_Exercise objective_
Take each line of the entries below that contains "Brondeck" and copy it.

_Extracted entries_
::::

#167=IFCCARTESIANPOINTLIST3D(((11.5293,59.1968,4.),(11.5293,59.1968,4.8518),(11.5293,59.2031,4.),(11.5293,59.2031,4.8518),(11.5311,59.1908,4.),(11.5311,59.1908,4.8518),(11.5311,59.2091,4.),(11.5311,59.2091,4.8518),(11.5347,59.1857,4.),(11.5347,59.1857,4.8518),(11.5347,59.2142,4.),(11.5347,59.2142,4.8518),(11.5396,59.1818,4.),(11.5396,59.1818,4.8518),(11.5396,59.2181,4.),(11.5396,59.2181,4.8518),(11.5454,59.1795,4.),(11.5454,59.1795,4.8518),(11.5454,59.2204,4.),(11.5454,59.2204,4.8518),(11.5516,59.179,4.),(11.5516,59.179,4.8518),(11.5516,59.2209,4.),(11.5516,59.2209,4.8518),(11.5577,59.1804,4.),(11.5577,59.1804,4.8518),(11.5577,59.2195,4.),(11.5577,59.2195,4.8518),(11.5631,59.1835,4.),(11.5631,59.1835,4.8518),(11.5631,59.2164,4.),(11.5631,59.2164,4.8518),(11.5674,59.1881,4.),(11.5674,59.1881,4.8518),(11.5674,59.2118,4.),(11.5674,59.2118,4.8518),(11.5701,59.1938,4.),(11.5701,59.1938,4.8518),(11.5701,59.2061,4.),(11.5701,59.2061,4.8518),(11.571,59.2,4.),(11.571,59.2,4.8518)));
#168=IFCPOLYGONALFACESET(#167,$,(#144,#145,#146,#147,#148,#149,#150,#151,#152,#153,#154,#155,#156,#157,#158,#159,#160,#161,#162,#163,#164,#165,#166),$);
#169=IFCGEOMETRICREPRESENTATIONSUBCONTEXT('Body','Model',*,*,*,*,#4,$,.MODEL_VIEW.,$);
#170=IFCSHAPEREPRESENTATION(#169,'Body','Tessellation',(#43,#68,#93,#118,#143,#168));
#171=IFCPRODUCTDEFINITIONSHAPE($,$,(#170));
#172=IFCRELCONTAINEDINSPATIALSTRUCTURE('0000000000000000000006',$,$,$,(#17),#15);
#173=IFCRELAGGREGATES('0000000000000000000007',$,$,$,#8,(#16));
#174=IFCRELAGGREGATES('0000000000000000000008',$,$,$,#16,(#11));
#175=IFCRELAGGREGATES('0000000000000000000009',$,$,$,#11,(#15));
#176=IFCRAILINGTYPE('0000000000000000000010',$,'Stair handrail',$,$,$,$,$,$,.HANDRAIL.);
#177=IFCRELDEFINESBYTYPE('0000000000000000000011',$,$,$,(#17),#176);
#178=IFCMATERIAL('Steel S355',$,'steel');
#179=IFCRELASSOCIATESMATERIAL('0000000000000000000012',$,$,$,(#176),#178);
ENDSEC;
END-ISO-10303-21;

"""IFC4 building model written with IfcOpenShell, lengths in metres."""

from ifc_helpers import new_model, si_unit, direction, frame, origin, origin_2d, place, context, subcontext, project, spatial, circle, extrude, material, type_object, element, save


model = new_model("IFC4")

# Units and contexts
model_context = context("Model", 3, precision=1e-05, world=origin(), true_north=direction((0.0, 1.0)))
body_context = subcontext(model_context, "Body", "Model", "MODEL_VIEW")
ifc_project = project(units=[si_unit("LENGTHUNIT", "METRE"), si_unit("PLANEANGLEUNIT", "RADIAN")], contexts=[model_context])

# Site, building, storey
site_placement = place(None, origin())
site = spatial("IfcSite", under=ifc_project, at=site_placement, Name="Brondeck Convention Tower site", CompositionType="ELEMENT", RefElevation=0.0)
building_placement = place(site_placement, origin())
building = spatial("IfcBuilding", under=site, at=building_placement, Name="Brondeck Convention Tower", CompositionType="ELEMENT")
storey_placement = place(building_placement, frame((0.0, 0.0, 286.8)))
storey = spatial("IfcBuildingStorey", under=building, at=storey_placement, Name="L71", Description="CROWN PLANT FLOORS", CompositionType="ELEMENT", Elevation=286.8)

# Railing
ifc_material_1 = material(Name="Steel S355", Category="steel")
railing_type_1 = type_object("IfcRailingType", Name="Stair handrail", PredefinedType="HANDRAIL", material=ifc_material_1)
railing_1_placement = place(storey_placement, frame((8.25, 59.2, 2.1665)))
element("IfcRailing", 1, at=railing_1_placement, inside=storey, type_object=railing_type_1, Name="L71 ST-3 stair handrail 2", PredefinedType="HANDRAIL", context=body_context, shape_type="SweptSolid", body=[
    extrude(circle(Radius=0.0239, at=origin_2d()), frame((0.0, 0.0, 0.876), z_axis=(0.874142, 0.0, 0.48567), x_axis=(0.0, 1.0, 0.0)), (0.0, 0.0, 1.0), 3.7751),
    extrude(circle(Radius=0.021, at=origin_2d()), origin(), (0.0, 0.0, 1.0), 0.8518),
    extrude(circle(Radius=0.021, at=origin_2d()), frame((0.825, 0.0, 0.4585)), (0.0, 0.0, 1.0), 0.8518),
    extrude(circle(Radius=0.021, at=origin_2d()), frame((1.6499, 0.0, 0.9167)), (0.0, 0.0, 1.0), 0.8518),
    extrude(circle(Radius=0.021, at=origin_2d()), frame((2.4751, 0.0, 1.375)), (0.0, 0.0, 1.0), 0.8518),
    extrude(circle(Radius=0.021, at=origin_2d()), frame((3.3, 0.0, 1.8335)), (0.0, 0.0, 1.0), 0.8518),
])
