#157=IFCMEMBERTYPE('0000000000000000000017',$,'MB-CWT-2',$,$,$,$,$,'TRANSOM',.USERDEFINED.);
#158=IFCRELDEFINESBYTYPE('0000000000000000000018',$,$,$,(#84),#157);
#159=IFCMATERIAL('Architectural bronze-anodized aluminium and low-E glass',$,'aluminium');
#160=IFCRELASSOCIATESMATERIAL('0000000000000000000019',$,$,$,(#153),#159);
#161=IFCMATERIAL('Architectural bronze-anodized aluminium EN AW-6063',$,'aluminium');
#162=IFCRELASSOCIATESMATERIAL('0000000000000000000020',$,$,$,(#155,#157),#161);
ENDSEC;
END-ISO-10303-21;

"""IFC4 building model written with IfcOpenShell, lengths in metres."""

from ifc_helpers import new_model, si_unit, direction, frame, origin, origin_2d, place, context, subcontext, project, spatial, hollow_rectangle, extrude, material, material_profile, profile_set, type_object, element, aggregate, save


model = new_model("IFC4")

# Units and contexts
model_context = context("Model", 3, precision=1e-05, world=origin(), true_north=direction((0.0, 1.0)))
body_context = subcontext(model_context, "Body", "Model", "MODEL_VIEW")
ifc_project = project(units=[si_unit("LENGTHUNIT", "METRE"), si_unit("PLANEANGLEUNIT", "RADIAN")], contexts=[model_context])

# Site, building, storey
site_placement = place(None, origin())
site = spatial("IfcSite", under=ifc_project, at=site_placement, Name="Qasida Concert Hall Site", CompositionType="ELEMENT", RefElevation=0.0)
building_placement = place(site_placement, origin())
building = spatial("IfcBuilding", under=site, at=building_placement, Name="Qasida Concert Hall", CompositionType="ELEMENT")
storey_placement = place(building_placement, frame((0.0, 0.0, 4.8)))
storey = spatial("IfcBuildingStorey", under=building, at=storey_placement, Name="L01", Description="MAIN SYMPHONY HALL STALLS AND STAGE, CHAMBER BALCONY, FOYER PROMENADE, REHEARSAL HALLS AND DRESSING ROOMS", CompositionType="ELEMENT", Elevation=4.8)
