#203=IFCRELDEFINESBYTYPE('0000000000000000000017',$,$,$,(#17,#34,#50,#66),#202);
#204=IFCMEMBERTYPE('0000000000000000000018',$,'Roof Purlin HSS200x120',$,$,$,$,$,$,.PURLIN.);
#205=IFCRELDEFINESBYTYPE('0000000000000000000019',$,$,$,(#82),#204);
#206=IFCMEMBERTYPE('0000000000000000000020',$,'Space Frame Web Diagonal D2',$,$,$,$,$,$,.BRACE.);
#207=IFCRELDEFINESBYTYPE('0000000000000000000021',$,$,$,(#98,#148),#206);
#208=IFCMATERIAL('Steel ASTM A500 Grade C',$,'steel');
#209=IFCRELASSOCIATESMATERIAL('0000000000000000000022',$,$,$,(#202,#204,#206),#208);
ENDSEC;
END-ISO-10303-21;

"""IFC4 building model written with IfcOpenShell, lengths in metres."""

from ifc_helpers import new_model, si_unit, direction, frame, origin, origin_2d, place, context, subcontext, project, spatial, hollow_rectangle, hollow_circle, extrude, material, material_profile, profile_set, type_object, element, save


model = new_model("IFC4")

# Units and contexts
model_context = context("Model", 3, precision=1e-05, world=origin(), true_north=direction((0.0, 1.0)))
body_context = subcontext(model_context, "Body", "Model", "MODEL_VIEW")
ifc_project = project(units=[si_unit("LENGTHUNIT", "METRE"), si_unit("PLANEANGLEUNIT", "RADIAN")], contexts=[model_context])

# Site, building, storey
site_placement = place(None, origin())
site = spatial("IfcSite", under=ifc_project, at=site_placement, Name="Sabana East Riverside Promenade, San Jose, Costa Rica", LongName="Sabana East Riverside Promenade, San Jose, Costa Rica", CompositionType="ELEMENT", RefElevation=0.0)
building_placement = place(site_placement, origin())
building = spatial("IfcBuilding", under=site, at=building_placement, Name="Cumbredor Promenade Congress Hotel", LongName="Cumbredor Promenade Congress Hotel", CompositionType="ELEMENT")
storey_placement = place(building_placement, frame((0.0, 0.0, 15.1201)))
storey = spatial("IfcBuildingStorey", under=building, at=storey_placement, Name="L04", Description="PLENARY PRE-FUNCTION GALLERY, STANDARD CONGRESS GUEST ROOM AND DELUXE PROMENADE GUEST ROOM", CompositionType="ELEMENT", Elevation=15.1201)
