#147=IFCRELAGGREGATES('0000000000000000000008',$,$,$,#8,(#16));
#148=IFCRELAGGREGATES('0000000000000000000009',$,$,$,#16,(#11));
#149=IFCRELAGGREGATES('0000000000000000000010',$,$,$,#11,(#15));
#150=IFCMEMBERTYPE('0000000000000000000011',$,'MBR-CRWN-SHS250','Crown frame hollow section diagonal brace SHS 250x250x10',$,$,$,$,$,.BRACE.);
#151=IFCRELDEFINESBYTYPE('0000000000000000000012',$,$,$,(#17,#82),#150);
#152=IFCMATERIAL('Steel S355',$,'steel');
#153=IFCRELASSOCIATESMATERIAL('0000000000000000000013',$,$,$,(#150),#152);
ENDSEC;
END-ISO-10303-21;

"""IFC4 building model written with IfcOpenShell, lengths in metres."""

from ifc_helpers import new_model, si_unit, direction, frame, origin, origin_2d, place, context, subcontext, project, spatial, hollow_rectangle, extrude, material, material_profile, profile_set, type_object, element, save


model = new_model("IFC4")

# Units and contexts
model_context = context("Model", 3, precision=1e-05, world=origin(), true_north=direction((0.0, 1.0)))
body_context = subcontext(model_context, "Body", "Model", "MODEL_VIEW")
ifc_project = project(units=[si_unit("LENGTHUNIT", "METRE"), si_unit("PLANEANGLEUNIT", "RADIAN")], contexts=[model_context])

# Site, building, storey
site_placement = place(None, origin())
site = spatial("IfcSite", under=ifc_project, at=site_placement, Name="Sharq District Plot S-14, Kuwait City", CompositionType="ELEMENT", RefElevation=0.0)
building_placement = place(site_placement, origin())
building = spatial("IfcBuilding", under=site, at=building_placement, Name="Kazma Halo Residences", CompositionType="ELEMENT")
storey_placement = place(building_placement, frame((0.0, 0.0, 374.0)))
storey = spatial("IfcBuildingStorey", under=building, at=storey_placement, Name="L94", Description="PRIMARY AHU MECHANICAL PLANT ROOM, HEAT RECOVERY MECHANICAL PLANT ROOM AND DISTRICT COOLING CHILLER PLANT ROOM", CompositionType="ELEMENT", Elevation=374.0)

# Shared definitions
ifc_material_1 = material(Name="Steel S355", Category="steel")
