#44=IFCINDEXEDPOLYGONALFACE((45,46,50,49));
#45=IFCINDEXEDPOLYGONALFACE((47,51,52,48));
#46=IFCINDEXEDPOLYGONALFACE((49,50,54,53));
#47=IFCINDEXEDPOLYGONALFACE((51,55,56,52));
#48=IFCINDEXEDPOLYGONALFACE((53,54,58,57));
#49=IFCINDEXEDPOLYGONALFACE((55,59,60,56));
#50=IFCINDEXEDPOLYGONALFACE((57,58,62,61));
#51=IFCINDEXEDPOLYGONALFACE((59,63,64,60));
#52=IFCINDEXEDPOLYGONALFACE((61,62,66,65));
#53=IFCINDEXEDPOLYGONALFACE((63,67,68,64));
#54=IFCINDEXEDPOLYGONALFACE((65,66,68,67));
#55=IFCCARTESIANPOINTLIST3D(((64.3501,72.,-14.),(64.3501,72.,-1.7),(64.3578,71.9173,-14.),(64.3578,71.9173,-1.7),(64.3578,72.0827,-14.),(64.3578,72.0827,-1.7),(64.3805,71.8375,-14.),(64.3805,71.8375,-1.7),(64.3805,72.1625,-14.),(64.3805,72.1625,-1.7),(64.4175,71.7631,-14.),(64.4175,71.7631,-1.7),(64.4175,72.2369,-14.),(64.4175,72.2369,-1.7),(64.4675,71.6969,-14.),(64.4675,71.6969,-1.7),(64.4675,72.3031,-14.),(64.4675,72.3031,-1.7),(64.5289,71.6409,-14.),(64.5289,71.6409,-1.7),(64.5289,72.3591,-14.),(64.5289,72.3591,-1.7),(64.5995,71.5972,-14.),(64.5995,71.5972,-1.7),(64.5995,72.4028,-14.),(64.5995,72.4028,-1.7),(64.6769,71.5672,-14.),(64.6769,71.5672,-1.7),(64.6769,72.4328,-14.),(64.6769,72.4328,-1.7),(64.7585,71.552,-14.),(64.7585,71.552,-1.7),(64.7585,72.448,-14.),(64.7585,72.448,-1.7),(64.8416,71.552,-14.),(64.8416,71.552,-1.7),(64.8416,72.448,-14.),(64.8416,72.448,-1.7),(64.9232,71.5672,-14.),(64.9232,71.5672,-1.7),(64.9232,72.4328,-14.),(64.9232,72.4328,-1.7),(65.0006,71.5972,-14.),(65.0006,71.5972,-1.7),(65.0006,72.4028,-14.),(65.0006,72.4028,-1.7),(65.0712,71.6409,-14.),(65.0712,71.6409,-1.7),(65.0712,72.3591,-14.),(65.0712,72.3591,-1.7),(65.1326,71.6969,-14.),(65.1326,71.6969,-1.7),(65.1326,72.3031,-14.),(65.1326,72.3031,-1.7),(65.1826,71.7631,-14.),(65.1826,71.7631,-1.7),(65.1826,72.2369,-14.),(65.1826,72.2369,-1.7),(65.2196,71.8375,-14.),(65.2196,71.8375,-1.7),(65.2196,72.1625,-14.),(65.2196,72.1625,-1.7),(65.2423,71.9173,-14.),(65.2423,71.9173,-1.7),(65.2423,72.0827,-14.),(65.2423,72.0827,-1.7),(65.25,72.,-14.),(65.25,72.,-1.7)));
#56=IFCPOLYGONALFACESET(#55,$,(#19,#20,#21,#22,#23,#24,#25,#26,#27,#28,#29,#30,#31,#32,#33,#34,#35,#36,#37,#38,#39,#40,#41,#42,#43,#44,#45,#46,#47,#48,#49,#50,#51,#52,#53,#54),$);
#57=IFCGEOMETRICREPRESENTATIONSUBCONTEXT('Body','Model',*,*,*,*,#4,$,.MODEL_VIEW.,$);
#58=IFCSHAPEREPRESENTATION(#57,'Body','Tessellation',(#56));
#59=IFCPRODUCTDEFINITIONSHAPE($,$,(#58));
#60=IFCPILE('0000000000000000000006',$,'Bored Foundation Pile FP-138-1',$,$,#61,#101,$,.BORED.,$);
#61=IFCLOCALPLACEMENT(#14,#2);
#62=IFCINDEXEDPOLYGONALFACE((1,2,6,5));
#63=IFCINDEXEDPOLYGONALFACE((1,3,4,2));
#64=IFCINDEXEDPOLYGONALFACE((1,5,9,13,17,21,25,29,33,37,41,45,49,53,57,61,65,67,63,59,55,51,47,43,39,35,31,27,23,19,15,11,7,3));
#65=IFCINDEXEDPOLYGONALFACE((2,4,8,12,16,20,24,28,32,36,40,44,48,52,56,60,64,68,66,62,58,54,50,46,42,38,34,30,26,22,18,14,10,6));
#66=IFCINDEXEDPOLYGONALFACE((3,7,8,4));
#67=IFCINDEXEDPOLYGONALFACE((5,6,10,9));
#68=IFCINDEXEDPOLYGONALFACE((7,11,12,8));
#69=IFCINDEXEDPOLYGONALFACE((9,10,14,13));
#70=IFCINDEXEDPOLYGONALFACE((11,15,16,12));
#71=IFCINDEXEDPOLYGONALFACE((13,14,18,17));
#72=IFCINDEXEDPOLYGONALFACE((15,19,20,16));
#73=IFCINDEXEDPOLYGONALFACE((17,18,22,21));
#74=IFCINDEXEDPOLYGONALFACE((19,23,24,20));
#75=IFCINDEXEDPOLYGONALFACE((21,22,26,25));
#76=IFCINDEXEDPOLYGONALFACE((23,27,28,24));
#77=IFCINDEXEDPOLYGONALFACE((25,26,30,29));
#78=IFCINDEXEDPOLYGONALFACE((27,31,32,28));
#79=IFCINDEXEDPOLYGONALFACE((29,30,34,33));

::::

_Response below_
site = spatial("IfcSite", under=ifc_project, at=site_placement, Name="Brondeck Convention Tower site", CompositionType="ELEMENT", RefElevation=0.0)
building = spatial("IfcBuilding", under=site, at=building_placement, Name="Brondeck Convention Tower", CompositionType="ELEMENT")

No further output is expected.